**How to complete this task**
Find the word "PredefinedType" in the data. Return every line where it appears.
########
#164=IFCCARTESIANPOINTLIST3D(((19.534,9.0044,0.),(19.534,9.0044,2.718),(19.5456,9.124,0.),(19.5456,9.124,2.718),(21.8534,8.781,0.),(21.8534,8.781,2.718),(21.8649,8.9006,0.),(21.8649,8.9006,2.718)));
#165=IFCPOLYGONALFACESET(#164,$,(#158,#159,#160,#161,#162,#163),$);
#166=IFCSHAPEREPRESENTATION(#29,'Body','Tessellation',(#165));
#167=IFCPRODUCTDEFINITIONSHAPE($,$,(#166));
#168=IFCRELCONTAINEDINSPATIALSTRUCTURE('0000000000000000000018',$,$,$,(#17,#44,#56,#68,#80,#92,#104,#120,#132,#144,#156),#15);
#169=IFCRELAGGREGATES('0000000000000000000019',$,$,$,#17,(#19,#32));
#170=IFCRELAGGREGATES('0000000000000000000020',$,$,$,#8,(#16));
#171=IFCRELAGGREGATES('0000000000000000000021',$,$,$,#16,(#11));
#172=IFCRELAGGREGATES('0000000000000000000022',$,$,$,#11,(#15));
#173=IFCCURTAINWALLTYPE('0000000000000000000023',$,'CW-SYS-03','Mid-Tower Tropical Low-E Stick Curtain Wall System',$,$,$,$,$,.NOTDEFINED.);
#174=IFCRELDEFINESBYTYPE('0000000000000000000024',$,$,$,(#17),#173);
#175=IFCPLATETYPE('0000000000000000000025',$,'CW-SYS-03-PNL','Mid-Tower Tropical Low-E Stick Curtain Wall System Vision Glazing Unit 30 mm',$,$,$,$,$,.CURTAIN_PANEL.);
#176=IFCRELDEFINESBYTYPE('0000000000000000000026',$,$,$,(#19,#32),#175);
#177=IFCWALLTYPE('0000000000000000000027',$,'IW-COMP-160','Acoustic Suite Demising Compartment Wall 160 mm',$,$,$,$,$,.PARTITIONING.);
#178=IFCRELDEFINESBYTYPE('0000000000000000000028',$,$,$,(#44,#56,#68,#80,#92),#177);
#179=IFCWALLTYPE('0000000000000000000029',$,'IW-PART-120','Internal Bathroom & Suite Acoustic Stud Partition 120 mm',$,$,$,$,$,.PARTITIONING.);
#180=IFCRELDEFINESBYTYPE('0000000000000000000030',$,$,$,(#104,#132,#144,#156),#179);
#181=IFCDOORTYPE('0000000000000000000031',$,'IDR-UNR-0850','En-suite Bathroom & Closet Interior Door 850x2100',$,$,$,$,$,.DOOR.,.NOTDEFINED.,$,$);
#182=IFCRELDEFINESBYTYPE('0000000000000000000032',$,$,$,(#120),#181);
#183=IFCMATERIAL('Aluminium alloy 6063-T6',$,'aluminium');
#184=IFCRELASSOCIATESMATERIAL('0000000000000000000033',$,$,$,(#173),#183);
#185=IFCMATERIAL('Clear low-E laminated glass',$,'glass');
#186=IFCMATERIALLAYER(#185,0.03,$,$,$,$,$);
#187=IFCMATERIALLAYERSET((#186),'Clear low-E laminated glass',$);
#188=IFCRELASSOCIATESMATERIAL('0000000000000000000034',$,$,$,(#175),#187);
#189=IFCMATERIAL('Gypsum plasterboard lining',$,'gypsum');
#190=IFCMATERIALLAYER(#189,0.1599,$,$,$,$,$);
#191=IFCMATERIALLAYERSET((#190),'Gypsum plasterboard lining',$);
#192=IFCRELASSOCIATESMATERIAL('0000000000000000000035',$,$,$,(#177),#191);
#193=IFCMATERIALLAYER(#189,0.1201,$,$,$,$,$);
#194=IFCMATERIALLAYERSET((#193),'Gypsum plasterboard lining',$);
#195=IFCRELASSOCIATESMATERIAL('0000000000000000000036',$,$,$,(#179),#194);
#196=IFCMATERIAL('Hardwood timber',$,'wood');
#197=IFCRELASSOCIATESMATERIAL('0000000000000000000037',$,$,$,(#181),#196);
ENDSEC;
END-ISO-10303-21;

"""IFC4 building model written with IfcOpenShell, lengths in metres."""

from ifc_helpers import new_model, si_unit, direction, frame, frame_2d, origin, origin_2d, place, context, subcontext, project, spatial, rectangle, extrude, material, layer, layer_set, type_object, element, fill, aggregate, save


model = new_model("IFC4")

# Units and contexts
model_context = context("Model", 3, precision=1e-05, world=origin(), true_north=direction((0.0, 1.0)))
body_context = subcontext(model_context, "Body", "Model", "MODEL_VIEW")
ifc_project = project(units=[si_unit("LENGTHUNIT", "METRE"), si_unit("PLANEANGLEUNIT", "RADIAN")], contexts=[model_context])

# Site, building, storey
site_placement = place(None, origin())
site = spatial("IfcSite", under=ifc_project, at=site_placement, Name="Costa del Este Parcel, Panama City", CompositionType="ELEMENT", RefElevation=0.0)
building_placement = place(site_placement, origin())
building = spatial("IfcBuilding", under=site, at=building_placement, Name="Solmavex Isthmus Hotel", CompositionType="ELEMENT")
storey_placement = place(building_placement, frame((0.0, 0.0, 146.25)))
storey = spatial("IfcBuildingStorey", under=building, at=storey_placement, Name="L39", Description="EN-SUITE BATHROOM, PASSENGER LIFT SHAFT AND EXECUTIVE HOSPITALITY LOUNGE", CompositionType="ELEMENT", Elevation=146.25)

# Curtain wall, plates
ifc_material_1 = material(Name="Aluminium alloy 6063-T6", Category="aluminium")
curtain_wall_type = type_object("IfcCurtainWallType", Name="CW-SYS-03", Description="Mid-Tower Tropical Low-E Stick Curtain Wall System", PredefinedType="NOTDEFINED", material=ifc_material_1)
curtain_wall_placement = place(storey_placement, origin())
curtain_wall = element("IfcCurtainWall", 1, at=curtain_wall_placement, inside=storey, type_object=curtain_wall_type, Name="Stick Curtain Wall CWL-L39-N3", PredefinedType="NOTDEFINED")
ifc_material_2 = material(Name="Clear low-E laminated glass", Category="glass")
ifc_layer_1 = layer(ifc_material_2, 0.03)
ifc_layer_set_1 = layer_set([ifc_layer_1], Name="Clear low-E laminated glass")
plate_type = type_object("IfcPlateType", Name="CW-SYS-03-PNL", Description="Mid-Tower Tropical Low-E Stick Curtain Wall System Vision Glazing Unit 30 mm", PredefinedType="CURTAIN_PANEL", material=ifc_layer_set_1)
########
**Answer area**
curtain_wall_type = type_object("IfcCurtainWallType", Name="CW-SYS-03", Description="Mid-Tower Tropical Low-E Stick Curtain Wall System", PredefinedType="NOTDEFINED", material=ifc_material_1)
curtain_wall = element("IfcCurtainWall", 1, at=curtain_wall_placement, inside=storey, type_object=curtain_wall_type, Name="Stick Curtain Wall CWL-L39-N3", PredefinedType="NOTDEFINED")
plate_type = type_object("IfcPlateType", Name="CW-SYS-03-PNL", Description="Mid-Tower Tropical Low-E Stick Curtain Wall System Vision Glazing Unit 30 mm", PredefinedType="CURTAIN_PANEL", material=ifc_layer_set_1)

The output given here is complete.